Task prompt:
Write out, unaltered, each line from the top of the records below down to the line where "#141=IFCPRODUCTDEFINITIONSHAPE($,$,(#140));" appears, that line included.

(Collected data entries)
Start of Block

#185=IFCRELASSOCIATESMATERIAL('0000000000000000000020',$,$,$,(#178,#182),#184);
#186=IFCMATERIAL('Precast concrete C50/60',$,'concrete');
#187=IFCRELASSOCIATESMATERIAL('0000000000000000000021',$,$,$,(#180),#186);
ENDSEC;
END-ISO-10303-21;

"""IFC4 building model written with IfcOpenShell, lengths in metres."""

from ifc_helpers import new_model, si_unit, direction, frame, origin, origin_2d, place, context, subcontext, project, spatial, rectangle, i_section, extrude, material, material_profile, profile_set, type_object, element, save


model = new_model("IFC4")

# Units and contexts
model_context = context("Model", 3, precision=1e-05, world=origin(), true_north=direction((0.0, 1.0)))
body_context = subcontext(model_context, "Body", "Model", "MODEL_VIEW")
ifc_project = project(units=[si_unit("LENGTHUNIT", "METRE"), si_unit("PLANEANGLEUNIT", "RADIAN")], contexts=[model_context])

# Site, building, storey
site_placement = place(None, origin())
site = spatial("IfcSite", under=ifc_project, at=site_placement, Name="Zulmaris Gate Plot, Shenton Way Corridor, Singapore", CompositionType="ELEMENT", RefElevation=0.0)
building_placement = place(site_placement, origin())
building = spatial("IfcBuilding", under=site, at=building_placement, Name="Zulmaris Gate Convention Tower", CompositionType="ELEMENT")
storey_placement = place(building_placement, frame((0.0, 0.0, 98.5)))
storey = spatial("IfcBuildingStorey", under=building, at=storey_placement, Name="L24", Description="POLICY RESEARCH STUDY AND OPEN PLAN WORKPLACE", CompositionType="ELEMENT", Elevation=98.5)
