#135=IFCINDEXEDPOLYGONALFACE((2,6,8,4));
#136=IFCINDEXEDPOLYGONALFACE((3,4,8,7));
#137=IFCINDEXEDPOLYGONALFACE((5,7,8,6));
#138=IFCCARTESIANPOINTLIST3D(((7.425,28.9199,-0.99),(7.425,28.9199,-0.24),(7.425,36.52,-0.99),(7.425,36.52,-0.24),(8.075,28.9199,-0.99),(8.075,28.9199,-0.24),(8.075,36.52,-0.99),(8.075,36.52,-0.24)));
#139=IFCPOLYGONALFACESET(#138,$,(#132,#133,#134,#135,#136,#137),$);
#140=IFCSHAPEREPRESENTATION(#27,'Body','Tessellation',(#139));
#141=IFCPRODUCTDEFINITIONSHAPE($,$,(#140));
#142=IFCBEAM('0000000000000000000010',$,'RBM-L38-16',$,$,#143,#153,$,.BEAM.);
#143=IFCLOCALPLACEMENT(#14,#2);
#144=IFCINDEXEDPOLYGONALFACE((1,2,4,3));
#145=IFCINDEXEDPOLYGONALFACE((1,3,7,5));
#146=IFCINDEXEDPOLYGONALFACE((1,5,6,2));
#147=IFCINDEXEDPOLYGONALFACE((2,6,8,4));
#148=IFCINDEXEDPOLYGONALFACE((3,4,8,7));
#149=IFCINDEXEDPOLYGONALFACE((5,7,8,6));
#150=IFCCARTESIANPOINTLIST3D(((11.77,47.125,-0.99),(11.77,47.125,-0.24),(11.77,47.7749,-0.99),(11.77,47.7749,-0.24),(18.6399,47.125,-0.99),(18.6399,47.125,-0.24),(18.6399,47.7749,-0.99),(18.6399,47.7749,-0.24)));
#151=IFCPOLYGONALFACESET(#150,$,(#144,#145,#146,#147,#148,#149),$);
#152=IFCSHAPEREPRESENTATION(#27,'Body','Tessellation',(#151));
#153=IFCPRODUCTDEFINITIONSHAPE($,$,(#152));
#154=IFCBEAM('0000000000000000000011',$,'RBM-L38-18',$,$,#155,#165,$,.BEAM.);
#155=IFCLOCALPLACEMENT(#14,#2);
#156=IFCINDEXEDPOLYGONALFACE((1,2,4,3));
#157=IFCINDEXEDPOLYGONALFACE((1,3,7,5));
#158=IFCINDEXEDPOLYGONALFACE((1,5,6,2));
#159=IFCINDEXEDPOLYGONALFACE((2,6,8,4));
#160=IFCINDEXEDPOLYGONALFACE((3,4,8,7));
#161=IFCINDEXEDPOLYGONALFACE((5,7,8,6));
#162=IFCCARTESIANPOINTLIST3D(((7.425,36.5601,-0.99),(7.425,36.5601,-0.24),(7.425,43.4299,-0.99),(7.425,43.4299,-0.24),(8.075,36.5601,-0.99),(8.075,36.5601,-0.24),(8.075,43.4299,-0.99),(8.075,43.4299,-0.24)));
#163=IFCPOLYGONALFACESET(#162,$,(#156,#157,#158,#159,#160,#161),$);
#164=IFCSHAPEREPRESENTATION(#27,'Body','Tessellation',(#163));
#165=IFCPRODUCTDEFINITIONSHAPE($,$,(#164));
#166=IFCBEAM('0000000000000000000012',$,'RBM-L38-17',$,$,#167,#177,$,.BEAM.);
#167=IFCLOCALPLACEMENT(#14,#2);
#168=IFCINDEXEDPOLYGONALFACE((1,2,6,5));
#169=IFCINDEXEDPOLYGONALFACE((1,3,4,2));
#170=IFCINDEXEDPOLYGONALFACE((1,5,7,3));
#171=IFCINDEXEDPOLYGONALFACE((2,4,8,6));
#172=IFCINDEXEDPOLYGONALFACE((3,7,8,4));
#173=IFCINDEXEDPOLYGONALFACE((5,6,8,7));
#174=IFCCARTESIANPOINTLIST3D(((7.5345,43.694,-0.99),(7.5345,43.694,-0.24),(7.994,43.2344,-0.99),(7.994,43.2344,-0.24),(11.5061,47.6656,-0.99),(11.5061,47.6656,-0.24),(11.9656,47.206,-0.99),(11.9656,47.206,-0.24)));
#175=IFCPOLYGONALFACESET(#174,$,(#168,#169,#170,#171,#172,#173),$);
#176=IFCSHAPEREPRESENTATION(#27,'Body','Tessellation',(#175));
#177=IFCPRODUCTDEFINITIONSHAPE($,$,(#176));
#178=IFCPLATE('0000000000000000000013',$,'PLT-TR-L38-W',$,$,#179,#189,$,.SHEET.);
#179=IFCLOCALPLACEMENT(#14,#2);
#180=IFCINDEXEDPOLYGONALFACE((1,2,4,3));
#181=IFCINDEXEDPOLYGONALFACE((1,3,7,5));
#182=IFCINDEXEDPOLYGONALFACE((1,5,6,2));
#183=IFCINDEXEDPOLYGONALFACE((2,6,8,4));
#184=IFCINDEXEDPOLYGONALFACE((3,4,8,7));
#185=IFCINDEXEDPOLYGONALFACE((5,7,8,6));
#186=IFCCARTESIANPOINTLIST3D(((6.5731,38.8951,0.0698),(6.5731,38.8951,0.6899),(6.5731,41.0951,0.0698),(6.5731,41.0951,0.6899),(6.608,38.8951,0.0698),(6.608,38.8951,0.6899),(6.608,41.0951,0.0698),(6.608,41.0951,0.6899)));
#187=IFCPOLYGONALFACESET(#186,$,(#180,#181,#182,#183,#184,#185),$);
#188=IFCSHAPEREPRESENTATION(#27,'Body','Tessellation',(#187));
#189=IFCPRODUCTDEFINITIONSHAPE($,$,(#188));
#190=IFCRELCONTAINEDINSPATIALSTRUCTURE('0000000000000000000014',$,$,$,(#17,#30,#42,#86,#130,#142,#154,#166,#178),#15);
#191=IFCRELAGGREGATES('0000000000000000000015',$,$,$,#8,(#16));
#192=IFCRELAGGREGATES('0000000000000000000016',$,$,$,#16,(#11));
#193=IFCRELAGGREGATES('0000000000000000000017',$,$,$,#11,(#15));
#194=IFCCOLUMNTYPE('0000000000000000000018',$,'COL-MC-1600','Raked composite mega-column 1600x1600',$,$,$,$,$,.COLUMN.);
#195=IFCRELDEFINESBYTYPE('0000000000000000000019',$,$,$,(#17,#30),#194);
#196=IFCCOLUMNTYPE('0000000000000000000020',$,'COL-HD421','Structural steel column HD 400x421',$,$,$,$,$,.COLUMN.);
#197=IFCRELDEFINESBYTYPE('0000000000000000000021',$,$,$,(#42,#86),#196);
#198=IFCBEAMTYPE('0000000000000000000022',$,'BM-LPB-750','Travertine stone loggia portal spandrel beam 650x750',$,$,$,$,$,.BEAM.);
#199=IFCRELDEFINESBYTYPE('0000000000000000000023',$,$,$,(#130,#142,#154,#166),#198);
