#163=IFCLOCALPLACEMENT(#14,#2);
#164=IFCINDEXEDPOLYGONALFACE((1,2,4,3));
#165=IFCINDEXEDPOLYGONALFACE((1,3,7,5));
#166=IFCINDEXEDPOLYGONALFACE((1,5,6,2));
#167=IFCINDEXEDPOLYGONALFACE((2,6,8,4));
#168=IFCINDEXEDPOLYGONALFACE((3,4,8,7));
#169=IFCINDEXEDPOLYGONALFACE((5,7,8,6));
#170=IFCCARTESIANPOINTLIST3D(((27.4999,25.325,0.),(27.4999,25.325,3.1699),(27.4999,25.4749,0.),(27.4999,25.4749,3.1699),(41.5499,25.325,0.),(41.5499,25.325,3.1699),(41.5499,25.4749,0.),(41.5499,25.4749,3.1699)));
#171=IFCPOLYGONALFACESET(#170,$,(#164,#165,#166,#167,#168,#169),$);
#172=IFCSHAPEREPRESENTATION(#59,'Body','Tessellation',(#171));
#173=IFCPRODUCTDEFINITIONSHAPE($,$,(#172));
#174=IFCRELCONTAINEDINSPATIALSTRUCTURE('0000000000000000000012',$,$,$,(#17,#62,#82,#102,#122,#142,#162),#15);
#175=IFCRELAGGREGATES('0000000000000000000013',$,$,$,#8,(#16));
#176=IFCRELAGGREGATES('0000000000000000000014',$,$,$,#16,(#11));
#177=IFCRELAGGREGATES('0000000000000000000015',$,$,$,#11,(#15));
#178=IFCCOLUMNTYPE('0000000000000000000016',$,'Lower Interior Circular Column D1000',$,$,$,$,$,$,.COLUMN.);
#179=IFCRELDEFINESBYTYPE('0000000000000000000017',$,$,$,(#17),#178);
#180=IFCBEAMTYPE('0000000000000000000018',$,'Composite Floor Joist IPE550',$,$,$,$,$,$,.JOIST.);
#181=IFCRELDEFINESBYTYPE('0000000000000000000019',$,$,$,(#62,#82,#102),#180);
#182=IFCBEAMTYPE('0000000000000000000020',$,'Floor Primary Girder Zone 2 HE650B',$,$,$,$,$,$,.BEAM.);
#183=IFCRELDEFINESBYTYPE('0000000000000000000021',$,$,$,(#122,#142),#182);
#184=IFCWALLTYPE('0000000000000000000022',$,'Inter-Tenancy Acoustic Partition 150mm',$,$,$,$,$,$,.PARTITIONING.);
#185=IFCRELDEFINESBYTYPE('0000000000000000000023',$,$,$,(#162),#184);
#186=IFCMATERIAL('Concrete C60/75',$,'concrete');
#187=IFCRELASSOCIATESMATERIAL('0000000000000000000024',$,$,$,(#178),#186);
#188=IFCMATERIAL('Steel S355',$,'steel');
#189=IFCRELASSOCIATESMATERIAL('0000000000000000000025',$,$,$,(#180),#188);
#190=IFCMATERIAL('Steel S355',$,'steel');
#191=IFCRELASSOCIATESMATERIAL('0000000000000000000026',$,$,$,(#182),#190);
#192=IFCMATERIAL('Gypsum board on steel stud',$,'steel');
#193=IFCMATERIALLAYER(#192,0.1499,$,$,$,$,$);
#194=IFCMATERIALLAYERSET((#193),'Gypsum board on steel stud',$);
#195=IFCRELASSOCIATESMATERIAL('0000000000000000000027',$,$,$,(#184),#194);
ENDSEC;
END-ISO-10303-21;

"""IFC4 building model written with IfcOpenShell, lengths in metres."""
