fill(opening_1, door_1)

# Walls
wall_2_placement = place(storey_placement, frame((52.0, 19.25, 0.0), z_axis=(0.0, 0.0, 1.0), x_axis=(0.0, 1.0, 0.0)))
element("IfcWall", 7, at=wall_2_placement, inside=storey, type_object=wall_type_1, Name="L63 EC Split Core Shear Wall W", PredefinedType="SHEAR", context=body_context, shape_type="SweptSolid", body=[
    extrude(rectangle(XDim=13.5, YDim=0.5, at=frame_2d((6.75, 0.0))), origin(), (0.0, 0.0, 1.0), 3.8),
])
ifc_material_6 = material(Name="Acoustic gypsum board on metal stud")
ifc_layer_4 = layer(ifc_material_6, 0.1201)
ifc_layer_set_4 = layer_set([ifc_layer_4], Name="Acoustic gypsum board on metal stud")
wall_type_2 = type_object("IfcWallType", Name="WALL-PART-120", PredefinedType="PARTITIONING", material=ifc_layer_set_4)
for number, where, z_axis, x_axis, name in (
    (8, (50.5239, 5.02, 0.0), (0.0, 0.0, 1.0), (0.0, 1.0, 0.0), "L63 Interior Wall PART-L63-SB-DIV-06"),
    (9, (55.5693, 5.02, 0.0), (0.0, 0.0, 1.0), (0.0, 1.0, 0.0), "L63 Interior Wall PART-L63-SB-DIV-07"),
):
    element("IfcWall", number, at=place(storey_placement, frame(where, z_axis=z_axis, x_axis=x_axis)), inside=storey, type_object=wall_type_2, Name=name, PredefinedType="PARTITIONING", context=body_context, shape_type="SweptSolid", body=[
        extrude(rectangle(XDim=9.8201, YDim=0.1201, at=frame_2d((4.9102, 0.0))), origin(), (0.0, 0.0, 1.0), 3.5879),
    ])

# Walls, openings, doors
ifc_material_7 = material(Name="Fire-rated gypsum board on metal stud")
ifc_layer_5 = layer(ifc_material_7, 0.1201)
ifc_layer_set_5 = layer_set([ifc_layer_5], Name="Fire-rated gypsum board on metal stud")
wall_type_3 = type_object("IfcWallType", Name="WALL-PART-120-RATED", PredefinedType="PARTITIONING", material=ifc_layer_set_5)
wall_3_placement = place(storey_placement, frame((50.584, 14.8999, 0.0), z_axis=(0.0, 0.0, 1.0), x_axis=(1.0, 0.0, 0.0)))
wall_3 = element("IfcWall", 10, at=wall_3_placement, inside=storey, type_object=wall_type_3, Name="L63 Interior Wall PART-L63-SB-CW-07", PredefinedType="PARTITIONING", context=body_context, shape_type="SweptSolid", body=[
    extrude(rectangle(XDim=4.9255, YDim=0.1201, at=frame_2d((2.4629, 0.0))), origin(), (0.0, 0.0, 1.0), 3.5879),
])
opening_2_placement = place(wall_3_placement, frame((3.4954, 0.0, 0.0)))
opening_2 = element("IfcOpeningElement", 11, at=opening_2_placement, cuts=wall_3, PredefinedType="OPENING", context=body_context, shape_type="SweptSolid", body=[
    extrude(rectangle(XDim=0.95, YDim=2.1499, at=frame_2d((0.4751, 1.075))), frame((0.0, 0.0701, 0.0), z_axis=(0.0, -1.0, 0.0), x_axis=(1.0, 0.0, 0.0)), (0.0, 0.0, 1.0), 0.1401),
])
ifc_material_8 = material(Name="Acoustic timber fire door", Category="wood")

End of Block

Task answer:
#185=IFCRELASSOCIATESMATERIAL('0000000000000000000020',$,$,$,(#178,#182),#184);
#186=IFCMATERIAL('Precast concrete C50/60',$,'concrete');
#187=IFCRELASSOCIATESMATERIAL('0000000000000000000021',$,$,$,(#180),#186);
ENDSEC;
END-ISO-10303-21;

"""IFC4 building model written with IfcOpenShell, lengths in metres."""

from ifc_helpers import new_model, si_unit, direction, frame, origin, origin_2d, place, context, subcontext, project, spatial, rectangle, i_section, extrude, material, material_profile, profile_set, type_object, element, save


model = new_model("IFC4")

# Units and contexts
model_context = context("Model", 3, precision=1e-05, world=origin(), true_north=direction((0.0, 1.0)))
body_context = subcontext(model_context, "Body", "Model", "MODEL_VIEW")
ifc_project = project(units=[si_unit("LENGTHUNIT", "METRE"), si_unit("PLANEANGLEUNIT", "RADIAN")], contexts=[model_context])

# Site, building, storey
site_placement = place(None, origin())
site = spatial("IfcSite", under=ifc_project, at=site_placement, Name="Zulmaris Gate Plot, Shenton Way Corridor, Singapore", CompositionType="ELEMENT", RefElevation=0.0)
building_placement = place(site_placement, origin())
building = spatial("IfcBuilding", under=site, at=building_placement, Name="Zulmaris Gate Convention Tower", CompositionType="ELEMENT")
storey_placement = place(building_placement, frame((0.0, 0.0, 98.5)))
storey = spatial("IfcBuildingStorey", under=building, at=storey_placement, Name="L24", Description="POLICY RESEARCH STUDY AND OPEN PLAN WORKPLACE", CompositionType="ELEMENT", Elevation=98.5)
#135=IFCINDEXEDPOLYGONALFACE((2,6,8,4));
#136=IFCINDEXEDPOLYGONALFACE((3,4,8,7));
#137=IFCINDEXEDPOLYGONALFACE((5,7,8,6));
#138=IFCCARTESIANPOINTLIST3D(((7.425,28.9199,-0.99),(7.425,28.9199,-0.24),(7.425,36.52,-0.99),(7.425,36.52,-0.24),(8.075,28.9199,-0.99),(8.075,28.9199,-0.24),(8.075,36.52,-0.99),(8.075,36.52,-0.24)));
#139=IFCPOLYGONALFACESET(#138,$,(#132,#133,#134,#135,#136,#137),$);
#140=IFCSHAPEREPRESENTATION(#27,'Body','Tessellation',(#139));
#141=IFCPRODUCTDEFINITIONSHAPE($,$,(#140));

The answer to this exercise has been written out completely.